Goal of the exercise:
Which lines below contain "IFCPRODUCTDEFINITIONSHAPE"? Pull them out.

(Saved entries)
Content starts

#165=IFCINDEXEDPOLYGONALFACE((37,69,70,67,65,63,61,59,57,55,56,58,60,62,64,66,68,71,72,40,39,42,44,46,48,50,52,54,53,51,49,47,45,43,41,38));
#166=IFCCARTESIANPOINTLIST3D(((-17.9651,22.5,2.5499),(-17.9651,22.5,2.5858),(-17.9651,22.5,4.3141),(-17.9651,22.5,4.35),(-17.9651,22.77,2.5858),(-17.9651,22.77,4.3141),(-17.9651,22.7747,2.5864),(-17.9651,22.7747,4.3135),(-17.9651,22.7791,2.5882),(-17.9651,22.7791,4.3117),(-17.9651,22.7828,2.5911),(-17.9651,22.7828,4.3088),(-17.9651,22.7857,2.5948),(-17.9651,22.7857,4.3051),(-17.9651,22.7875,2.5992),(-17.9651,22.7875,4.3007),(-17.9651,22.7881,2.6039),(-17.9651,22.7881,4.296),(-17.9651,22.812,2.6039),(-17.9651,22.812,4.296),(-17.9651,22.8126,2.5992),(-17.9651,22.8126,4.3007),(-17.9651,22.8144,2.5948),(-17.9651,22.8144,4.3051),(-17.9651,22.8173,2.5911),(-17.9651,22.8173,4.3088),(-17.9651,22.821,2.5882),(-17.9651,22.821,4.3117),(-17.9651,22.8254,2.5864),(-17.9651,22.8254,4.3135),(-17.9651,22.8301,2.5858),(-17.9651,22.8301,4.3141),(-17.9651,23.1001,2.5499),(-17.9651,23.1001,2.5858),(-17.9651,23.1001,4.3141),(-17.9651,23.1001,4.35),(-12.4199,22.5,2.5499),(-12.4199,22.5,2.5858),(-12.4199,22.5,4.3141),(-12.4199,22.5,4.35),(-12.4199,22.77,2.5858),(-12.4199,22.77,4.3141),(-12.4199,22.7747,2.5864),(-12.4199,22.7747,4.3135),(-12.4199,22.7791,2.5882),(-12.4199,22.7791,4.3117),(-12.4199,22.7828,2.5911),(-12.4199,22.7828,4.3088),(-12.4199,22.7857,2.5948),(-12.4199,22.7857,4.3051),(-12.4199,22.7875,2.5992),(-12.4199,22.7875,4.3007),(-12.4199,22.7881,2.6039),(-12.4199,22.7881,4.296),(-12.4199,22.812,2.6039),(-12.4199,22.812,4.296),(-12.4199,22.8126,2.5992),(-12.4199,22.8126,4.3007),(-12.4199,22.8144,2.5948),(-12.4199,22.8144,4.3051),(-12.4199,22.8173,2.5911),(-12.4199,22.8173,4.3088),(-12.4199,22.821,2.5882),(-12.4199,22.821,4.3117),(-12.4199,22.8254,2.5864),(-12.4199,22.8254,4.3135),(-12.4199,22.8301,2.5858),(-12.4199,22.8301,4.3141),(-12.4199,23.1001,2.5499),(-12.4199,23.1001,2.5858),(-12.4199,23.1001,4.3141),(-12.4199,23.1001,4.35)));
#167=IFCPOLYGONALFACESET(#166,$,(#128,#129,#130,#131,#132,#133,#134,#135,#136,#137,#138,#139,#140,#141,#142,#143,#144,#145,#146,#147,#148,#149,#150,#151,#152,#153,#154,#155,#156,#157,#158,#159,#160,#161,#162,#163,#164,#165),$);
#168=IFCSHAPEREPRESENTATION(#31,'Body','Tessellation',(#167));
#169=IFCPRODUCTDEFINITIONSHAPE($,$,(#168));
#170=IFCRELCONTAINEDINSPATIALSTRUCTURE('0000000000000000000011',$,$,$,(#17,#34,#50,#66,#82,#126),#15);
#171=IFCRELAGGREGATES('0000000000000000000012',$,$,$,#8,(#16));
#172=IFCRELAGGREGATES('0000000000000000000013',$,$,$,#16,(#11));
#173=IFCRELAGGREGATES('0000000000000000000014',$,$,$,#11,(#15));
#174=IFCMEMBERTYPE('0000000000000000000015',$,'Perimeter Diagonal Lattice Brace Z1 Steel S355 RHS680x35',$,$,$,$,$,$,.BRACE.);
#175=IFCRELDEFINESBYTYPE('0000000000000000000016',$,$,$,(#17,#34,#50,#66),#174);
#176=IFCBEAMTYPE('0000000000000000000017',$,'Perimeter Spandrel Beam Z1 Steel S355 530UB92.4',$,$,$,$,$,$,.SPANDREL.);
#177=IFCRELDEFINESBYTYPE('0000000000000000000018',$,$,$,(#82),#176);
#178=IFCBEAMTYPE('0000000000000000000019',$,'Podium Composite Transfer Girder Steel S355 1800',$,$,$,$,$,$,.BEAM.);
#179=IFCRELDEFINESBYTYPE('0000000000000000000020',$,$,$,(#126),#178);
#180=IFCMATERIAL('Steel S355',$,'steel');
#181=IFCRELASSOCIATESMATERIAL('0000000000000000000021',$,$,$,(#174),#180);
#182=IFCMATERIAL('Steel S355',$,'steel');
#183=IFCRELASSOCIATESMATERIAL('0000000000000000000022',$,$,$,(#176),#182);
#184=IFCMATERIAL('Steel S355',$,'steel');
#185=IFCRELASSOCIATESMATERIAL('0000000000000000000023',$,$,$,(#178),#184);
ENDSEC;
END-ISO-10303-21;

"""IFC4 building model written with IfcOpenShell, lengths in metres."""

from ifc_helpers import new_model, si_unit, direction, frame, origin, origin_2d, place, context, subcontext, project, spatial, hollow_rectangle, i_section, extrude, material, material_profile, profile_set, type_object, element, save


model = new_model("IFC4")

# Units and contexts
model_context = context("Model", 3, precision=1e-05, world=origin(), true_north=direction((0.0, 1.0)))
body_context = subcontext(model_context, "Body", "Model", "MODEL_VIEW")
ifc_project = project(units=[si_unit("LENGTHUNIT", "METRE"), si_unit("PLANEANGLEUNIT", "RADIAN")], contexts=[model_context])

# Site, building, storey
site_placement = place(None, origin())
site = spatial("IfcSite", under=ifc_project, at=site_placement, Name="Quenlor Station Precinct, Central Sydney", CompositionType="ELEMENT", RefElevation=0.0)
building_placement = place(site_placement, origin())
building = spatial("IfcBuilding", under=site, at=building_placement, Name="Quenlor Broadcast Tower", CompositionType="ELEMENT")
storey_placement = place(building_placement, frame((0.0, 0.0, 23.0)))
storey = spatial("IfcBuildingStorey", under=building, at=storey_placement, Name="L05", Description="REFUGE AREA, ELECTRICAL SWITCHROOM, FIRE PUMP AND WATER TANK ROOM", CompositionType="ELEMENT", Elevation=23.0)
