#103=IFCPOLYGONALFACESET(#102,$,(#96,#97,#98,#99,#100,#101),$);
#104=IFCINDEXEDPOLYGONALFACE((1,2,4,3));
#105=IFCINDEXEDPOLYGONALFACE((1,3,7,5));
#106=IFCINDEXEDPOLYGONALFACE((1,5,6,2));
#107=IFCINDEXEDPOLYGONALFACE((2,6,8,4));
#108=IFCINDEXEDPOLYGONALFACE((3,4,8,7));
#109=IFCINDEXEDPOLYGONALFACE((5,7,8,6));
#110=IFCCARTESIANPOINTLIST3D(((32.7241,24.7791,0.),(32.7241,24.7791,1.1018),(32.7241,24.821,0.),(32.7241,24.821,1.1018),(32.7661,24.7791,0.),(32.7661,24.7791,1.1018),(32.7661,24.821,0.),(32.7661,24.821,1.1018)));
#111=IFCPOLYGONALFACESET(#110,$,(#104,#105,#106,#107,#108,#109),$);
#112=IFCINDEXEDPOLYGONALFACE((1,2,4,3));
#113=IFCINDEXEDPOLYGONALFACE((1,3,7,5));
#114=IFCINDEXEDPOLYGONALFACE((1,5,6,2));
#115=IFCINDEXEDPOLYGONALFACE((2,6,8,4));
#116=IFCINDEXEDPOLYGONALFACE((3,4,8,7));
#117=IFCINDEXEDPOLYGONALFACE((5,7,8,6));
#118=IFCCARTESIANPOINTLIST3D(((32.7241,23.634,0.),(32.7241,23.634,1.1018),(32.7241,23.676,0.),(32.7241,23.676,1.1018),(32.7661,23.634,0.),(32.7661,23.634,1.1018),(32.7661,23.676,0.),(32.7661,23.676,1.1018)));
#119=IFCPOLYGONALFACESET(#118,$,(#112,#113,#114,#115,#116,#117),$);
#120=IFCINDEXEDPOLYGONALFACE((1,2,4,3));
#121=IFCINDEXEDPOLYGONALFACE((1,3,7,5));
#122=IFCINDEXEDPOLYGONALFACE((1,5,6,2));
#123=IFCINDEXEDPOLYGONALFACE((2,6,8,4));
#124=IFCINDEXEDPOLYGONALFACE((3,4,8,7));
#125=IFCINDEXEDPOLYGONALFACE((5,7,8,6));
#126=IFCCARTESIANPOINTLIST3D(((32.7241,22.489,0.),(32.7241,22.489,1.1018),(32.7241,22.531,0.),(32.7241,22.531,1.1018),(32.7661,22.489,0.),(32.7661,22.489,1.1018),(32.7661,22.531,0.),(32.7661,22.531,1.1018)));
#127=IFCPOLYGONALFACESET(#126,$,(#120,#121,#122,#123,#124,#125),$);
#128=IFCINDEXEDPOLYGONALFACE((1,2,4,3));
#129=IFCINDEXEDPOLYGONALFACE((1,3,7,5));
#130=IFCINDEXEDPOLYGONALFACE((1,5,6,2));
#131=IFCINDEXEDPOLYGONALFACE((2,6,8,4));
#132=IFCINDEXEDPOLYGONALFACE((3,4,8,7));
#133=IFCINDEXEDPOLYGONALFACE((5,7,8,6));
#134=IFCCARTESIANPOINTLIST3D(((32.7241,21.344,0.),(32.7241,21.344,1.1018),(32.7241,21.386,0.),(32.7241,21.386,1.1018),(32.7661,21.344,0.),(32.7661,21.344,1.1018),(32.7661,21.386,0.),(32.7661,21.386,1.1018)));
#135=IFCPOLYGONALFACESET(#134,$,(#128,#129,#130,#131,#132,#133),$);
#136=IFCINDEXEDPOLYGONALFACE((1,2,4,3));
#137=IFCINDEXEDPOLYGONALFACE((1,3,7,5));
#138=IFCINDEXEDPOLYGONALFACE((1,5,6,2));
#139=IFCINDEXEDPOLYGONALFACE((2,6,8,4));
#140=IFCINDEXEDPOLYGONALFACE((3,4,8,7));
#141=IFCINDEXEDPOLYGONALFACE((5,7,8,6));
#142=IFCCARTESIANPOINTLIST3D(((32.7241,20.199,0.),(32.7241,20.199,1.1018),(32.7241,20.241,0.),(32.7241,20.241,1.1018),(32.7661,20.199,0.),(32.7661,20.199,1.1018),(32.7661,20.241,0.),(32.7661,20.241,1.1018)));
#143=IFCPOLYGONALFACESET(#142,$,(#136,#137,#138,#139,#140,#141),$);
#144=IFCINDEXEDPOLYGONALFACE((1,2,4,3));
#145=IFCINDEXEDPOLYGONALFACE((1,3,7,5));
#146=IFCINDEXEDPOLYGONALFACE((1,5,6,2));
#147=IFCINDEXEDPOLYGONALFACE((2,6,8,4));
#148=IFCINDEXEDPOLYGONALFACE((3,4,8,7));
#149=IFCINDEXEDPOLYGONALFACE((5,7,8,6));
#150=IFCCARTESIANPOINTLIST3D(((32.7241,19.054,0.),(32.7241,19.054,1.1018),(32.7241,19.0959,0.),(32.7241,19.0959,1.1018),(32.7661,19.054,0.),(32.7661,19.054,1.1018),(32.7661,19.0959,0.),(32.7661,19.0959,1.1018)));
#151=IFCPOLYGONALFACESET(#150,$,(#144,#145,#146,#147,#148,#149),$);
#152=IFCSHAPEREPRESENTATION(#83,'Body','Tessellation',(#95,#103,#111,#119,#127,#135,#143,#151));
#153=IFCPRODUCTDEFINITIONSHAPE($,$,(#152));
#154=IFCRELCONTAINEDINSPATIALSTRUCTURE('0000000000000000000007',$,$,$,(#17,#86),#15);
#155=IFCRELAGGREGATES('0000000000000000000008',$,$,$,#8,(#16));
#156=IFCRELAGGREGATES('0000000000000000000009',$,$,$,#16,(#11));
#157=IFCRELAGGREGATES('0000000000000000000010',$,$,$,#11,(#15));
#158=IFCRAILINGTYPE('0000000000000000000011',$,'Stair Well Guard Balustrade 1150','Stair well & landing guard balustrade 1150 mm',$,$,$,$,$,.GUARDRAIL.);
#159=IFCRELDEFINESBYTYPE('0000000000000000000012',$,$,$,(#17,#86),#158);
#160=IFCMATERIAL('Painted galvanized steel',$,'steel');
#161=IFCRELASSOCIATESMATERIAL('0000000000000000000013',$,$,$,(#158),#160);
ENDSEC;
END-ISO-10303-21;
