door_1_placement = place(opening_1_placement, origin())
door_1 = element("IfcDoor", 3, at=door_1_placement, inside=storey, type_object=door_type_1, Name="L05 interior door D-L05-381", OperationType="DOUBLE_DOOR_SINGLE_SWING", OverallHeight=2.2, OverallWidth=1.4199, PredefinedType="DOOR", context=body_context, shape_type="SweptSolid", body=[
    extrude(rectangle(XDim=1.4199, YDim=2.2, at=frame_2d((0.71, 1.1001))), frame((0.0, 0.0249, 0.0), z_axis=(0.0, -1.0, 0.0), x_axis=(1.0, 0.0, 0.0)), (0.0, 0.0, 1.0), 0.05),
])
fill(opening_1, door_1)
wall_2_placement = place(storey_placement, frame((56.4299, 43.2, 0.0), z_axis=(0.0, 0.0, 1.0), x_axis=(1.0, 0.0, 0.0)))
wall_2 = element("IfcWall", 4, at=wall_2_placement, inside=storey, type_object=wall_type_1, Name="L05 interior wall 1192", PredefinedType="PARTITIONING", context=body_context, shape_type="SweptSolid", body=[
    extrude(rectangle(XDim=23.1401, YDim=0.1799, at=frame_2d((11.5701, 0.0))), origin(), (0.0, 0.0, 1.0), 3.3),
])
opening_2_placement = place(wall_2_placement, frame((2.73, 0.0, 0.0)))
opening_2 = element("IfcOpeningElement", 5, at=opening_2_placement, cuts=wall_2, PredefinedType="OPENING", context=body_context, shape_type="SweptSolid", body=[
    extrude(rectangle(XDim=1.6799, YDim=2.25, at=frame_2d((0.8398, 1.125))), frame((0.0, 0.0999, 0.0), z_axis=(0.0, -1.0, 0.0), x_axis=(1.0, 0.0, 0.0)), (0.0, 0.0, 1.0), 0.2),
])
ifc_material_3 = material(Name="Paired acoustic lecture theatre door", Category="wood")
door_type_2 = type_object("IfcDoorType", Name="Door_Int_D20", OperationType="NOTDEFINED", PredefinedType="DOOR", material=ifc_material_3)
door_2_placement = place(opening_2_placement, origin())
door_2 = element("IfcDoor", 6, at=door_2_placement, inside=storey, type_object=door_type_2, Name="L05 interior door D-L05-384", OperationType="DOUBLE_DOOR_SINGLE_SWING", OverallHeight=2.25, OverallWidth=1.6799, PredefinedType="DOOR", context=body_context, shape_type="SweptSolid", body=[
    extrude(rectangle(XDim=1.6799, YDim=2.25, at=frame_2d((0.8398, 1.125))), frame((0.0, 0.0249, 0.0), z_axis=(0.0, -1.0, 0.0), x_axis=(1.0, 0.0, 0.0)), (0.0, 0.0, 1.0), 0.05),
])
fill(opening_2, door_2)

Content ends

Solved problem:
#169=IFCPRODUCTDEFINITIONSHAPE($,$,(#168));
#153=IFCPRODUCTDEFINITIONSHAPE($,$,(#152));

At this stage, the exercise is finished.